Pick out all lines with the word "Curtain" from the records that follow.

* * *

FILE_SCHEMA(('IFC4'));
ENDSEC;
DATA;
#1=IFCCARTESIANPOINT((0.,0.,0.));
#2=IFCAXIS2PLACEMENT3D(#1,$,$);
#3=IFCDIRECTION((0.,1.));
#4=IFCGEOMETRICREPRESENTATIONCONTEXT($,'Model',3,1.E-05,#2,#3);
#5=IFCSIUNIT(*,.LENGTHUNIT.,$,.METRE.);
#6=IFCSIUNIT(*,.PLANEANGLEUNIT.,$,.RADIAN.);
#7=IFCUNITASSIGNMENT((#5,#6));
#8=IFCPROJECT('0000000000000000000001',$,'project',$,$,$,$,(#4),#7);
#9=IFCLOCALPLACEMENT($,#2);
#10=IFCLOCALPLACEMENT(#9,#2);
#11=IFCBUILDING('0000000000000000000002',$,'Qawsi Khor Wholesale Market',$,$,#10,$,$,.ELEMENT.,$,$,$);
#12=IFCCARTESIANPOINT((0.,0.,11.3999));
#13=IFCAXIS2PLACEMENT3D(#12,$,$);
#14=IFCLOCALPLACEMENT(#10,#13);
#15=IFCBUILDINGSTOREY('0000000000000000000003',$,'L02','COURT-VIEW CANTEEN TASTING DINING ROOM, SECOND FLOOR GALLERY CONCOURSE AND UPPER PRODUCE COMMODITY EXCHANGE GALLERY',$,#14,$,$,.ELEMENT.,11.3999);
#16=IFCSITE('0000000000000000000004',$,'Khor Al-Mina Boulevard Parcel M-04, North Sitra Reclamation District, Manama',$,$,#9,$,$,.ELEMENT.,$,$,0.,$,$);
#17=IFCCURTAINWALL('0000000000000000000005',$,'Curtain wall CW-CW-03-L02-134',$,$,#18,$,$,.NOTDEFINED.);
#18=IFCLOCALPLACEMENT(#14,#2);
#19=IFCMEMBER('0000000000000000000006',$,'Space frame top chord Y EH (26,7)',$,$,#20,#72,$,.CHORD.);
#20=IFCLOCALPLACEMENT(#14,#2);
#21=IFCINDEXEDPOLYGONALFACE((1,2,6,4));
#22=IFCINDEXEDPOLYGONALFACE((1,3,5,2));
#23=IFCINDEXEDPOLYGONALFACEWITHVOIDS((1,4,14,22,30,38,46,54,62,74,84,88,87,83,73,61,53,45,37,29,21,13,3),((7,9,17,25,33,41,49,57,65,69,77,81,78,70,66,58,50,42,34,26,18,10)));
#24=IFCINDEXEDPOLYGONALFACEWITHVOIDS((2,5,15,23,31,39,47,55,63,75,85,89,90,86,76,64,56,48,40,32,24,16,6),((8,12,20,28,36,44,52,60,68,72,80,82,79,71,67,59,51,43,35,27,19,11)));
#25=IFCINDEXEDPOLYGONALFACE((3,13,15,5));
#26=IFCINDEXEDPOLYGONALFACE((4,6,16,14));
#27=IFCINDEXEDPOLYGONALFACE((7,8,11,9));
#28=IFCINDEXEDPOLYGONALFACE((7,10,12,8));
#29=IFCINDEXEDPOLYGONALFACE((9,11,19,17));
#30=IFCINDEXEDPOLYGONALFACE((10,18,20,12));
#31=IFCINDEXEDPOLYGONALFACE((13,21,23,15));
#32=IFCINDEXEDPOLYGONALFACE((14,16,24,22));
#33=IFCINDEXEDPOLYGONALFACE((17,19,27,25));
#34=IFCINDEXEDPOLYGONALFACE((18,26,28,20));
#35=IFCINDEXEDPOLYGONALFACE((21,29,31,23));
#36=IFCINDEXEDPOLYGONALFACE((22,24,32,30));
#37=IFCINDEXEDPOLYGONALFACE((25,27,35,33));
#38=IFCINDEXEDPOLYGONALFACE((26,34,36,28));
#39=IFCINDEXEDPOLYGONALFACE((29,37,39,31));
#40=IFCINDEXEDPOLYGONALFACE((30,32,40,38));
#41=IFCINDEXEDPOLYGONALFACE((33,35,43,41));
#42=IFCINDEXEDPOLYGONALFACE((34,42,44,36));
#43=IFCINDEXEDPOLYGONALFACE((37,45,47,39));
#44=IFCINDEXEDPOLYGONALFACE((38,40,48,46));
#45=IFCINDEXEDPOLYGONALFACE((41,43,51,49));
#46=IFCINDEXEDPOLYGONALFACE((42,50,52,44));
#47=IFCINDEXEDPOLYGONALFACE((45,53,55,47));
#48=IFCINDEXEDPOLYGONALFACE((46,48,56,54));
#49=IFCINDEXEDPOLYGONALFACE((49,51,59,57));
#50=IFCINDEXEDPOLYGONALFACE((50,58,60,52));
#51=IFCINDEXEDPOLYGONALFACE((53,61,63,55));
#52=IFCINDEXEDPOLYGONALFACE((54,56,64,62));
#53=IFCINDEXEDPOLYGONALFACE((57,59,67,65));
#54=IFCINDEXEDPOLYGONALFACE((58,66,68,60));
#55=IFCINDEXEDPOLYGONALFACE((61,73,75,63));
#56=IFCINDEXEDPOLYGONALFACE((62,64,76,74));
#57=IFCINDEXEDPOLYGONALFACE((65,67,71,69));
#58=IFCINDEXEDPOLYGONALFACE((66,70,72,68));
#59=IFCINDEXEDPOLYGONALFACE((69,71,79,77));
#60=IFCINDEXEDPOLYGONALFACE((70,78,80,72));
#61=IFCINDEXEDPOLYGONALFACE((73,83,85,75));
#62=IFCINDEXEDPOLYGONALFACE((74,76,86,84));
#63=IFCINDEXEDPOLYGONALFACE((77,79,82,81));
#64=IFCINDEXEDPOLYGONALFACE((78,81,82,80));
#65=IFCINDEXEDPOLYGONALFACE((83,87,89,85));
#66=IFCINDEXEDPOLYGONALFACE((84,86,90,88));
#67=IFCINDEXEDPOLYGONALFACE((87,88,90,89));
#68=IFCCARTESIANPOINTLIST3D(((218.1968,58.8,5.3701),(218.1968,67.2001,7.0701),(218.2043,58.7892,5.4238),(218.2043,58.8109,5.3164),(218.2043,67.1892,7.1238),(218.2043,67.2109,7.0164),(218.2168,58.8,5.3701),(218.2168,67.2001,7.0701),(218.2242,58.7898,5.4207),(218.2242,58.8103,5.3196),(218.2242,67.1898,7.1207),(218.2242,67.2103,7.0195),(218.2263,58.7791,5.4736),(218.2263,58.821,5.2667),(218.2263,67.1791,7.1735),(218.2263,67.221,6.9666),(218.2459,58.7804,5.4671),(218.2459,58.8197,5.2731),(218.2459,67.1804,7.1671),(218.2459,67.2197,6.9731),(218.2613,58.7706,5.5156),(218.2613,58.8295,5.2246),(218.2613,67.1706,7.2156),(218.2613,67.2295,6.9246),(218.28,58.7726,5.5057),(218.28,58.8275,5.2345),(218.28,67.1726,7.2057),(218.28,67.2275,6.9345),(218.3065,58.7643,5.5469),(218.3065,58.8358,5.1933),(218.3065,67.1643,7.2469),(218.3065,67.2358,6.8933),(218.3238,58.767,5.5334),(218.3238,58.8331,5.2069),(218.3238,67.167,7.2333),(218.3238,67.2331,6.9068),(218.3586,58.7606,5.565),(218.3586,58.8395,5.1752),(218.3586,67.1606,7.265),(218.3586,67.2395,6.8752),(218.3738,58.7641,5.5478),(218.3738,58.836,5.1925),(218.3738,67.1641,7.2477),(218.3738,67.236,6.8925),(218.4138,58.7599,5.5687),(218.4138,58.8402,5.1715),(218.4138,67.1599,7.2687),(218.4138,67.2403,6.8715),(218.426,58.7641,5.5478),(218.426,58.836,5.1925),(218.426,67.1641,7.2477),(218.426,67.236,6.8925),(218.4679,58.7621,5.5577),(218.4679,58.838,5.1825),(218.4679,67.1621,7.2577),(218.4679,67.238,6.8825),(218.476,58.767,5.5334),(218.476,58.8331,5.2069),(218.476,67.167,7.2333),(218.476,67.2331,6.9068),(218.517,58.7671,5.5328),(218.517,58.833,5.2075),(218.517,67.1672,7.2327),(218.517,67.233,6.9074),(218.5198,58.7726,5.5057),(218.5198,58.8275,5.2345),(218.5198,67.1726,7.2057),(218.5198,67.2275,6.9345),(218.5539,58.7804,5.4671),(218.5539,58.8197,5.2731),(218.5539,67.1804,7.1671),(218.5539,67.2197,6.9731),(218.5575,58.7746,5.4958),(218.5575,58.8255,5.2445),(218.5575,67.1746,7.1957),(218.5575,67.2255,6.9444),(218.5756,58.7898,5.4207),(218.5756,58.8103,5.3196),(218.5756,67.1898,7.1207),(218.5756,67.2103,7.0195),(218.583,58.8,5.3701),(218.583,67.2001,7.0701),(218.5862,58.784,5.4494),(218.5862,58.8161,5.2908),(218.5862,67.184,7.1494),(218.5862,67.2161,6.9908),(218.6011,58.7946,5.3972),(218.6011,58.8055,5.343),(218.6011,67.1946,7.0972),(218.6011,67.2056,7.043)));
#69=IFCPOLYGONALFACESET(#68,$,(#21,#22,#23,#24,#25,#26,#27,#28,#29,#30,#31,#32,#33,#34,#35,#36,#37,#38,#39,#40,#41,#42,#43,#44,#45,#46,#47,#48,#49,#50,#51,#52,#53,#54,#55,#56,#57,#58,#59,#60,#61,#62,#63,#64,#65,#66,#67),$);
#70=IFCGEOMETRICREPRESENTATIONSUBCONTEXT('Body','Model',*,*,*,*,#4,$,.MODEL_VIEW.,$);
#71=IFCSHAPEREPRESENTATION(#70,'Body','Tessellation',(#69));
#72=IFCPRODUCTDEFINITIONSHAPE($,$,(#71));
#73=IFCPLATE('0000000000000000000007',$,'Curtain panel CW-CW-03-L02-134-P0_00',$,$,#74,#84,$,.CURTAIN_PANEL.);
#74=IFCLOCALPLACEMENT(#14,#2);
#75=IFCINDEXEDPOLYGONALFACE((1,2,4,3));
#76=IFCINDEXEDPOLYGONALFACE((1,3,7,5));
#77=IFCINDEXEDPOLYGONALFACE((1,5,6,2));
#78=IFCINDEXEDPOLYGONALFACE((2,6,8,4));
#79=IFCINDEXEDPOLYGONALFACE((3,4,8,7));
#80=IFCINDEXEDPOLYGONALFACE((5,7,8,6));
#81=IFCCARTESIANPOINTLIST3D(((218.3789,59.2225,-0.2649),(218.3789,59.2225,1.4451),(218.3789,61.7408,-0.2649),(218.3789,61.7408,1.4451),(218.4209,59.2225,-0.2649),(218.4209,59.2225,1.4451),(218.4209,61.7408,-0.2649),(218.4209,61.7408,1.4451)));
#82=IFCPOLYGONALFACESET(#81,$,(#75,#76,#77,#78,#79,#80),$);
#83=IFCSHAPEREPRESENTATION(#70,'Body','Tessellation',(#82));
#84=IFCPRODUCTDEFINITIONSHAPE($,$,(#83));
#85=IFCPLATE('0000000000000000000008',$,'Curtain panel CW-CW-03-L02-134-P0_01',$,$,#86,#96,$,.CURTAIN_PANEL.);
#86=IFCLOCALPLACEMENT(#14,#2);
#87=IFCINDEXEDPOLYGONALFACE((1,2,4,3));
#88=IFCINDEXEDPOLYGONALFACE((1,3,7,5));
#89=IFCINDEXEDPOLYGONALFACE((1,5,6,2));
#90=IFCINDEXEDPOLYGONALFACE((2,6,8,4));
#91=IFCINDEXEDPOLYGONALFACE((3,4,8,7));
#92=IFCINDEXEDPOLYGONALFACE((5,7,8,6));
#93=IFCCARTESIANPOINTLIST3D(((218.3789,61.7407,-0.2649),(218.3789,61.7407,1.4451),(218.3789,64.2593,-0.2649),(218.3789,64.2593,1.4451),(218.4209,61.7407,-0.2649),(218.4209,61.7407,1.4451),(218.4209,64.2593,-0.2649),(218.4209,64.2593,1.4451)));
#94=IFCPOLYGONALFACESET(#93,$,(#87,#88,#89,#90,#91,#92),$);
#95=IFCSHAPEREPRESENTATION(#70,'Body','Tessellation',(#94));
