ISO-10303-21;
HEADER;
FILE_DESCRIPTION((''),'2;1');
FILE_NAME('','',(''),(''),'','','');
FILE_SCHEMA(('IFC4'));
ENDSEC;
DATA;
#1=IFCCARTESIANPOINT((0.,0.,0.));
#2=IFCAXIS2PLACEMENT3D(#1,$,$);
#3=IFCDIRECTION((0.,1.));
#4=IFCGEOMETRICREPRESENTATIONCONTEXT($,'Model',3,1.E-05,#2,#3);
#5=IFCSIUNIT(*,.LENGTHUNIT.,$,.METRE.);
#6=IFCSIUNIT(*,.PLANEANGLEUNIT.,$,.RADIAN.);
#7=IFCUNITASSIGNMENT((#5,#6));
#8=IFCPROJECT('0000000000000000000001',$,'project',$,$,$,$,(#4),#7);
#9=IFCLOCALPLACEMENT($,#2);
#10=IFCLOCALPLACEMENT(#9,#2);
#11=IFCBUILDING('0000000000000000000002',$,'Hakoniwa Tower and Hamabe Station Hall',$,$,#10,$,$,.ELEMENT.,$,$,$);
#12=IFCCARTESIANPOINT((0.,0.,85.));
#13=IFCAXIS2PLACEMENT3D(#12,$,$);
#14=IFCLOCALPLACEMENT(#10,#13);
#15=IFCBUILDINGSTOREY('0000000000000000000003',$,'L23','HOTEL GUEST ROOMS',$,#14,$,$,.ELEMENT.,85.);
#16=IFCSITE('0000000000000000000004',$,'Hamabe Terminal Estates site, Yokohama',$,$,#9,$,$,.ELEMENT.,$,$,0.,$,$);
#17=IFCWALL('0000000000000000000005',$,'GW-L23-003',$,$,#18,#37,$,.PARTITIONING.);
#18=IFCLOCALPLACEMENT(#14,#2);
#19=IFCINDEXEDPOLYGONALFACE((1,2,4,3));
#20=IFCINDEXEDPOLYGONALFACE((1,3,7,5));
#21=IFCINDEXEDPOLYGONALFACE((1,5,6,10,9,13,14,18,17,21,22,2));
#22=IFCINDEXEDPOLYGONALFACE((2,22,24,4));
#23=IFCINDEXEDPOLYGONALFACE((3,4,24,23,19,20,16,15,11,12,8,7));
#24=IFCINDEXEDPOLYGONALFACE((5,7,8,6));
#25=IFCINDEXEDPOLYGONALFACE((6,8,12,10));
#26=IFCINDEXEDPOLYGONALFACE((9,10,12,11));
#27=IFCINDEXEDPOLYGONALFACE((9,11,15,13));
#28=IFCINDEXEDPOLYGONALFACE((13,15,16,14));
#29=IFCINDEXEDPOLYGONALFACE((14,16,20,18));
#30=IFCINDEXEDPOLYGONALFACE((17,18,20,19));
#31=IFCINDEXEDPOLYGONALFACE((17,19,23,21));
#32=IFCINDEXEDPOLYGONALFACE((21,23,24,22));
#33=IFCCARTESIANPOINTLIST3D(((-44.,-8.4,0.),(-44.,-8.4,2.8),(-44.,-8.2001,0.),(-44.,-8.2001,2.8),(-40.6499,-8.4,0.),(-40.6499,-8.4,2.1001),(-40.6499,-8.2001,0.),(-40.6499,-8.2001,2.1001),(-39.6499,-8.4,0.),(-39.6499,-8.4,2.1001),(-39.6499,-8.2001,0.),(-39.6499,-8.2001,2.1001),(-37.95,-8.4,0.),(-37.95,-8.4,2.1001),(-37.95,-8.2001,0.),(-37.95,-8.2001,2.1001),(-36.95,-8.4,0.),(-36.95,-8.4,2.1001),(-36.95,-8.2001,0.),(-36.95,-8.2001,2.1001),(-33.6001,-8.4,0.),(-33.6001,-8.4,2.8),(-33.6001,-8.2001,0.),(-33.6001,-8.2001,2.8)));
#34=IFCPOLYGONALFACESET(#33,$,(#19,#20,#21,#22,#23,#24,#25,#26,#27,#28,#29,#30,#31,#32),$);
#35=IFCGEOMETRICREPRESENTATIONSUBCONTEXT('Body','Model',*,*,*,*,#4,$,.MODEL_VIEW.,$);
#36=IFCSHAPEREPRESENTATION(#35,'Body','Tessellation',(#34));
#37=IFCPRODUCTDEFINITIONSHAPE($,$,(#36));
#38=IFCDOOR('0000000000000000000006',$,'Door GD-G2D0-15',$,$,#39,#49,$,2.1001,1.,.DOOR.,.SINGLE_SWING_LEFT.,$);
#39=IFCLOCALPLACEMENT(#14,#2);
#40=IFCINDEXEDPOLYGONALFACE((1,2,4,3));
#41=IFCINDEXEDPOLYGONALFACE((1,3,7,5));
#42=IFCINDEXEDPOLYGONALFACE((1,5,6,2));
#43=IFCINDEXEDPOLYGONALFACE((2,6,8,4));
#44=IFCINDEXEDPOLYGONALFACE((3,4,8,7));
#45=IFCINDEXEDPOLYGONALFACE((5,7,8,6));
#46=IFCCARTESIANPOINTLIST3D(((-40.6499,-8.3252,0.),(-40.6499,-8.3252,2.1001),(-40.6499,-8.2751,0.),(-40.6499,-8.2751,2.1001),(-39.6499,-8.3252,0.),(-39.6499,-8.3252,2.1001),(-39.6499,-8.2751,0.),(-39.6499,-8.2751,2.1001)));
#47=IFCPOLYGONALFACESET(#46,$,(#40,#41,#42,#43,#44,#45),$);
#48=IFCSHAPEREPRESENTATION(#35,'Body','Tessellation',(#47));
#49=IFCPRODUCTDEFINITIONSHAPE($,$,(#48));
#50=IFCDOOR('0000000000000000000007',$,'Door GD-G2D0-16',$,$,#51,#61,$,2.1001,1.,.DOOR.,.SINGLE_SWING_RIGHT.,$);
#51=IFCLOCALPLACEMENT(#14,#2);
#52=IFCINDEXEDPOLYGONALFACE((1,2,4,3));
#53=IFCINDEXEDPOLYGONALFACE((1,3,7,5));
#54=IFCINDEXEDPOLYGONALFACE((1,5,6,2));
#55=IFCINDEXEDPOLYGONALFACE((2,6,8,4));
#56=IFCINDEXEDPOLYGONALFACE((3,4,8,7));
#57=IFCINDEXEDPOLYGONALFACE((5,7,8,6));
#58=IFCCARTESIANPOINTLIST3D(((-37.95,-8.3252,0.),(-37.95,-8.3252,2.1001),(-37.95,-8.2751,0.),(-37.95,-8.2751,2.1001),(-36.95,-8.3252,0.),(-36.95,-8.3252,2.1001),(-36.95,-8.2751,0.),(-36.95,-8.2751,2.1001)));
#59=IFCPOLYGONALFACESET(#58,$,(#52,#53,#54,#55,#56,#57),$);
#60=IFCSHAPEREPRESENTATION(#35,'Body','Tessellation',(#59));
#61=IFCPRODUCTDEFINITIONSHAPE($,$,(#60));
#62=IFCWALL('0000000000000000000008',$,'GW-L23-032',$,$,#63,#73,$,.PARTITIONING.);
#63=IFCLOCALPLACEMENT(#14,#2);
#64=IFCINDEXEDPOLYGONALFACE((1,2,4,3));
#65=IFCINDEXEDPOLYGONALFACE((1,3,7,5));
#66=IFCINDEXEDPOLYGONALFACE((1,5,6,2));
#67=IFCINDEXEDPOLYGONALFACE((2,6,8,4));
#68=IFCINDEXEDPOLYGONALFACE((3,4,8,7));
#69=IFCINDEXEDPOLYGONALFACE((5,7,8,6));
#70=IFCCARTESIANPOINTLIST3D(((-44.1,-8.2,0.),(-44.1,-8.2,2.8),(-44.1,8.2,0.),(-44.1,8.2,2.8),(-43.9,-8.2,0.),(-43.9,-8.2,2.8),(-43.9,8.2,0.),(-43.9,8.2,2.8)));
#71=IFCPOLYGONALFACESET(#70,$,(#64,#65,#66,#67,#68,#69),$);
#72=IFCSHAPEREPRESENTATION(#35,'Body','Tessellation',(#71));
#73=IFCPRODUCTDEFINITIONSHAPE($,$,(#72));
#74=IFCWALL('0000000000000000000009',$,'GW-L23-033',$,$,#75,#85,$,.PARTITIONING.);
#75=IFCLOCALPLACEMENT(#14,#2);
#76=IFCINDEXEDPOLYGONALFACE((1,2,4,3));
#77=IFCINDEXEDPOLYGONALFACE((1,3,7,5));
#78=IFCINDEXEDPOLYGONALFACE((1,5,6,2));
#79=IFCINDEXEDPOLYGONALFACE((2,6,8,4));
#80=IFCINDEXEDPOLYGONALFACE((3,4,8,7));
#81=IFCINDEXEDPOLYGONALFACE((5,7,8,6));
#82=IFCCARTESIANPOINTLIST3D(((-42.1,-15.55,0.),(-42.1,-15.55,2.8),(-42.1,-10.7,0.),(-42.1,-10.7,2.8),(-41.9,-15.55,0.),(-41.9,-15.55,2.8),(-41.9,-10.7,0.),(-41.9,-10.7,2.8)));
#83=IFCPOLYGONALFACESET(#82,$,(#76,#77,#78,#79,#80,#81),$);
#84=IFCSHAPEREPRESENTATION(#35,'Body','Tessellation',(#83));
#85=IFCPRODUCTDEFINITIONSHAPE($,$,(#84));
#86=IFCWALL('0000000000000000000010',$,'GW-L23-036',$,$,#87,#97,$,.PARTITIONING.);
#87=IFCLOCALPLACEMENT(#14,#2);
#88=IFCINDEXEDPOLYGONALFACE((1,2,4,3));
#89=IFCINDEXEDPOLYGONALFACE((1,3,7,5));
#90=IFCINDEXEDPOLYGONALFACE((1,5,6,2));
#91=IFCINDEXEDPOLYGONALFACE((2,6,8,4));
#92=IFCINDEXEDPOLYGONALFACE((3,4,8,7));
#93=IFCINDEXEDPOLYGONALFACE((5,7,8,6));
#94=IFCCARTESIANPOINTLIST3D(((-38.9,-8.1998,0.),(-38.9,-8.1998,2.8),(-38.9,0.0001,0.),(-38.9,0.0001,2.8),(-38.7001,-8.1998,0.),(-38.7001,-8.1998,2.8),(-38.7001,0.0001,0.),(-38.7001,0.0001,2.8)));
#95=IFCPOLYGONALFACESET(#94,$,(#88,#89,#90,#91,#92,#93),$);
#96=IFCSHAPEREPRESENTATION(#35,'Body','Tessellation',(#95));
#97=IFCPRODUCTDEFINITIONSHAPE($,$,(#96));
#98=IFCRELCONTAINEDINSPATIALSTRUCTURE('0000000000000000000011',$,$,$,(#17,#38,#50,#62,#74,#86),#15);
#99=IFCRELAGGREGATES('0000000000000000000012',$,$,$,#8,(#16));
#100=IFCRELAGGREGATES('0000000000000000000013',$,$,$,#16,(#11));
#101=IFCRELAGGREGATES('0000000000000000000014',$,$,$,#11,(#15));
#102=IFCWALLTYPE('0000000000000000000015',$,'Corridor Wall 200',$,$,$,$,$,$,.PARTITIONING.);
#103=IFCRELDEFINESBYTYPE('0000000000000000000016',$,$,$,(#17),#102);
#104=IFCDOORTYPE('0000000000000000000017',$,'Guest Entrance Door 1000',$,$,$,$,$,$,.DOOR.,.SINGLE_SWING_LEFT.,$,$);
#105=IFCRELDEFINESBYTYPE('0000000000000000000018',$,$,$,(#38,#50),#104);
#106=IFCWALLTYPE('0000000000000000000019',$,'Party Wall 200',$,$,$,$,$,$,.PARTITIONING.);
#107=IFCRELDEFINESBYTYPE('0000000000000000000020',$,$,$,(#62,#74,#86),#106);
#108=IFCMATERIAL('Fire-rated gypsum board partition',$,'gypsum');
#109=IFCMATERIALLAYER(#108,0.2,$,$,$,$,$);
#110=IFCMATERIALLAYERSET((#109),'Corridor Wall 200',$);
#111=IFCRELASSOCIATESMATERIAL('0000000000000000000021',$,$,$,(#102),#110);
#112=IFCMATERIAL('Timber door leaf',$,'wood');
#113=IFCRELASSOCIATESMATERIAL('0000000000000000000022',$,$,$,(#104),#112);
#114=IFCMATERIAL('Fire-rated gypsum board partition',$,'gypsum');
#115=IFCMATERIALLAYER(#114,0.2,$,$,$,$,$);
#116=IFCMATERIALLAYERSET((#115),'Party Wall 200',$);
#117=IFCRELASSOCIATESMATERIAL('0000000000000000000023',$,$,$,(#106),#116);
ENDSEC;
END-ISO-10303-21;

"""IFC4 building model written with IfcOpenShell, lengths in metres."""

from ifc_helpers import new_model, si_unit, direction, frame, frame_2d, origin, place, context, subcontext, project, spatial, rectangle, extrude, material, layer, layer_set, type_object, element, fill, save


model = new_model("IFC4")

# Units and contexts
model_context = context("Model", 3, precision=1e-05, world=origin(), true_north=direction((0.0, 1.0)))
body_context = subcontext(model_context, "Body", "Model", "MODEL_VIEW")
ifc_project = project(units=[si_unit("LENGTHUNIT", "METRE"), si_unit("PLANEANGLEUNIT", "RADIAN")], contexts=[model_context])

# Site, building, storey
site_placement = place(None, origin())
site = spatial("IfcSite", under=ifc_project, at=site_placement, Name="Hamabe Terminal Estates site, Yokohama", CompositionType="ELEMENT", RefElevation=0.0)
building_placement = place(site_placement, origin())
building = spatial("IfcBuilding", under=site, at=building_placement, Name="Hakoniwa Tower and Hamabe Station Hall", CompositionType="ELEMENT")
storey_placement = place(building_placement, frame((0.0, 0.0, 85.0)))
storey = spatial("IfcBuildingStorey", under=building, at=storey_placement, Name="L23", Description="HOTEL GUEST ROOMS", CompositionType="ELEMENT", Elevation=85.0)

# Wall, openings, doors
ifc_material_1 = material(Name="Fire-rated gypsum board partition", Category="gypsum")
ifc_layer_1 = layer(ifc_material_1, 0.2)
ifc_layer_set_1 = layer_set([ifc_layer_1], Name="Corridor Wall 200")
wall_type_1 = type_object("IfcWallType", Name="Corridor Wall 200", PredefinedType="PARTITIONING", material=ifc_layer_set_1)
wall_1_placement = place(storey_placement, frame((-44.0, -8.3, 0.0), z_axis=(0.0, 0.0, 1.0), x_axis=(1.0, 0.0, 0.0)))
wall_1 = element("IfcWall", 1, at=wall_1_placement, inside=storey, type_object=wall_type_1, Name="GW-L23-003", PredefinedType="PARTITIONING", context=body_context, shape_type="SweptSolid", body=[
    extrude(rectangle(XDim=10.3999, YDim=0.2, at=frame_2d((5.2, 0.0))), origin(), (0.0, 0.0, 1.0), 2.8),
])
opening_1_placement = place(wall_1_placement, frame((3.3501, 0.0, 0.0)))
opening_1 = element("IfcOpeningElement", 2, at=opening_1_placement, cuts=wall_1, PredefinedType="OPENING", context=body_context, shape_type="SweptSolid", body=[
    extrude(rectangle(XDim=1.0, YDim=2.1001, at=frame_2d((0.5, 1.05))), frame((0.0, 0.1099, 0.0), z_axis=(0.0, -1.0, 0.0), x_axis=(1.0, 0.0, 0.0)), (0.0, 0.0, 1.0), 0.22),
])
opening_2_placement = place(wall_1_placement, frame((6.05, 0.0, 0.0)))
opening_2 = element("IfcOpeningElement", 3, at=opening_2_placement, cuts=wall_1, PredefinedType="OPENING", context=body_context, shape_type="SweptSolid", body=[
    extrude(rectangle(XDim=1.0, YDim=2.1001, at=frame_2d((0.5, 1.05))), frame((0.0, 0.1099, 0.0), z_axis=(0.0, -1.0, 0.0), x_axis=(1.0, 0.0, 0.0)), (0.0, 0.0, 1.0), 0.22),
])
ifc_material_2 = material(Name="Timber door leaf", Category="wood")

* * *

__Solved exercise__:
#17=IFCCURTAINWALL('0000000000000000000005',$,'Curtain wall CW-CW-03-L02-134',$,$,#18,$,$,.NOTDEFINED.);
#73=IFCPLATE('0000000000000000000007',$,'Curtain panel CW-CW-03-L02-134-P0_00',$,$,#74,#84,$,.CURTAIN_PANEL.);
#85=IFCPLATE('0000000000000000000008',$,'Curtain panel CW-CW-03-L02-134-P0_01',$,$,#86,#96,$,.CURTAIN_PANEL.);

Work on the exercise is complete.